**SUPPLIED ENTRIES:**
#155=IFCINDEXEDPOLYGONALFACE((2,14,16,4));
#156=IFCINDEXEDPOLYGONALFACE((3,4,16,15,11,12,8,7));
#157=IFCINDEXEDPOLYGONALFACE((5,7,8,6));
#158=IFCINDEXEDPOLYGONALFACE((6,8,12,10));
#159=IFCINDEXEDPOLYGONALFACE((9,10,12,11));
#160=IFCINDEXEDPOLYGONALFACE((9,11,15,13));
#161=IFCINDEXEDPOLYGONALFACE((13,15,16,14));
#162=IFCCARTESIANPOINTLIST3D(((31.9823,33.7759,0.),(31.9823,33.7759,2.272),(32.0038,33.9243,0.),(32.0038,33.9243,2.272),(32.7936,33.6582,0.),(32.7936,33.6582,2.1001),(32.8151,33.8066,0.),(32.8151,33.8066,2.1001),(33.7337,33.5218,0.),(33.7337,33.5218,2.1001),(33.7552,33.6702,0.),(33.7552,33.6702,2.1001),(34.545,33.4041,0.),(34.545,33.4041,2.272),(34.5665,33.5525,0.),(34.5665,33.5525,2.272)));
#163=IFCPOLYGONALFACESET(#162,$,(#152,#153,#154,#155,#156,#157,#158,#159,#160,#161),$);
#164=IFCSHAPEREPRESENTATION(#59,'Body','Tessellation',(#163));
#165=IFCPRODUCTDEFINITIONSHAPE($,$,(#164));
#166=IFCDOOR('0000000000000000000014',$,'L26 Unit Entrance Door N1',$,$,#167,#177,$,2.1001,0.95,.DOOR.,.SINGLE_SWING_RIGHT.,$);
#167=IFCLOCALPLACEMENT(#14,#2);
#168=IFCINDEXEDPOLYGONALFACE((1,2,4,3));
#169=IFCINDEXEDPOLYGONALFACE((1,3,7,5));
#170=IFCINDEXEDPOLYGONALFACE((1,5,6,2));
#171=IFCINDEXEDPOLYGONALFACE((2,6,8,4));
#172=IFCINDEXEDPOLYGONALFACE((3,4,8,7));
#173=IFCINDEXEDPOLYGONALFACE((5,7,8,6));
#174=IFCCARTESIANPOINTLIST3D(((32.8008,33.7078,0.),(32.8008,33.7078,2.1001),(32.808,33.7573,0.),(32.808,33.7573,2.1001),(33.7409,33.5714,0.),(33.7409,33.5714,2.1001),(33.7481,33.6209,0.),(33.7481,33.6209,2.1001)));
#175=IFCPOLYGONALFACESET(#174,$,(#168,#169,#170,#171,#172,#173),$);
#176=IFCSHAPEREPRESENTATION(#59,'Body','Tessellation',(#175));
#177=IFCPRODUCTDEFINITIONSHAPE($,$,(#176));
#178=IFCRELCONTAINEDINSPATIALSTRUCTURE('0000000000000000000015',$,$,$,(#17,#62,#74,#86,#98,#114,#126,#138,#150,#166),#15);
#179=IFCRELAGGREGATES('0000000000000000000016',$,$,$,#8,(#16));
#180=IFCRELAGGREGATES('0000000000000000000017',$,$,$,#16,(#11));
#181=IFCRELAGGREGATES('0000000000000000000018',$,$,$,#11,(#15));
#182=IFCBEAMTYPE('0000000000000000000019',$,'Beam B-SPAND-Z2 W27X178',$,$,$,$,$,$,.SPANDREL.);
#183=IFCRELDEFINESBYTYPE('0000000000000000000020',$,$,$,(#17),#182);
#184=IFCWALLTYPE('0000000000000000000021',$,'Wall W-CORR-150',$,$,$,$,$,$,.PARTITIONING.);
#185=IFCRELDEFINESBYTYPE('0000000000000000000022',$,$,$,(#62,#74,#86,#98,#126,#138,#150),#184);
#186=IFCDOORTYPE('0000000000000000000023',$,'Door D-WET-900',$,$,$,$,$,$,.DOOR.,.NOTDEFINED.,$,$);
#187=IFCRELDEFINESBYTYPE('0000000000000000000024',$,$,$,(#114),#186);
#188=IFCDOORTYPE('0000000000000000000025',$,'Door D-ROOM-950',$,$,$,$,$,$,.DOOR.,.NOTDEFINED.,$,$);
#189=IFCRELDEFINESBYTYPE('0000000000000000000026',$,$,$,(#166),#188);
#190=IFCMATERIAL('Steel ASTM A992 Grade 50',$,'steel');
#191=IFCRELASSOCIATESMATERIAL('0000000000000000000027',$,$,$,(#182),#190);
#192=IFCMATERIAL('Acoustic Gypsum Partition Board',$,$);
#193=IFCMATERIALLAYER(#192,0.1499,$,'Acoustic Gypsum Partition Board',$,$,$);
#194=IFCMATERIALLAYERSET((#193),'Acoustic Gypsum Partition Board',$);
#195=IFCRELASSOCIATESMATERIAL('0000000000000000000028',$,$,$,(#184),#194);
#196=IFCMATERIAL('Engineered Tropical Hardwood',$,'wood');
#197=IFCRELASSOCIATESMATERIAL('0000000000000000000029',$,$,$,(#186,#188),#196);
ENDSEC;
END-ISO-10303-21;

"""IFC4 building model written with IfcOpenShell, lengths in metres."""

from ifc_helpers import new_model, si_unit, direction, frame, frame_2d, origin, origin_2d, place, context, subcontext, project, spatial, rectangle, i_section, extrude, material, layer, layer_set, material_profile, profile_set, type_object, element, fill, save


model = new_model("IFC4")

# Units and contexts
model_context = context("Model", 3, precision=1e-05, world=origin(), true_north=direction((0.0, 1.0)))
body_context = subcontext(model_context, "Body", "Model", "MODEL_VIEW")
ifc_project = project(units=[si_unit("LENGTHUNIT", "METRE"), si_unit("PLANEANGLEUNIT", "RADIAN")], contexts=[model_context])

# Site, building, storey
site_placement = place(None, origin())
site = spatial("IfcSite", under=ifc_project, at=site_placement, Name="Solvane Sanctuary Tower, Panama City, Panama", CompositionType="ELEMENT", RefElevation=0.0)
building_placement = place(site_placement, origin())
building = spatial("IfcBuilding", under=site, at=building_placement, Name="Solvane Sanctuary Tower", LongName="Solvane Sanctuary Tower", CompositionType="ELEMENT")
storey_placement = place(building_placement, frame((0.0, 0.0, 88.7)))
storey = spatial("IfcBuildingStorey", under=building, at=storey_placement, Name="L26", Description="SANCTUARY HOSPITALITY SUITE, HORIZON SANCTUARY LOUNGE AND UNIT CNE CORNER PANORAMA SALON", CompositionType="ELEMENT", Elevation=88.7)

**TASK:**
The result should be every line of the material that contains the word "IFCRELASSOCIATESMATERIAL", so copy those lines.

**EXERCISE SOLUTION:**
#191=IFCRELASSOCIATESMATERIAL('0000000000000000000027',$,$,$,(#182),#190);
#195=IFCRELASSOCIATESMATERIAL('0000000000000000000028',$,$,$,(#184),#194);
#197=IFCRELASSOCIATESMATERIAL('0000000000000000000029',$,$,$,(#186,#188),#196);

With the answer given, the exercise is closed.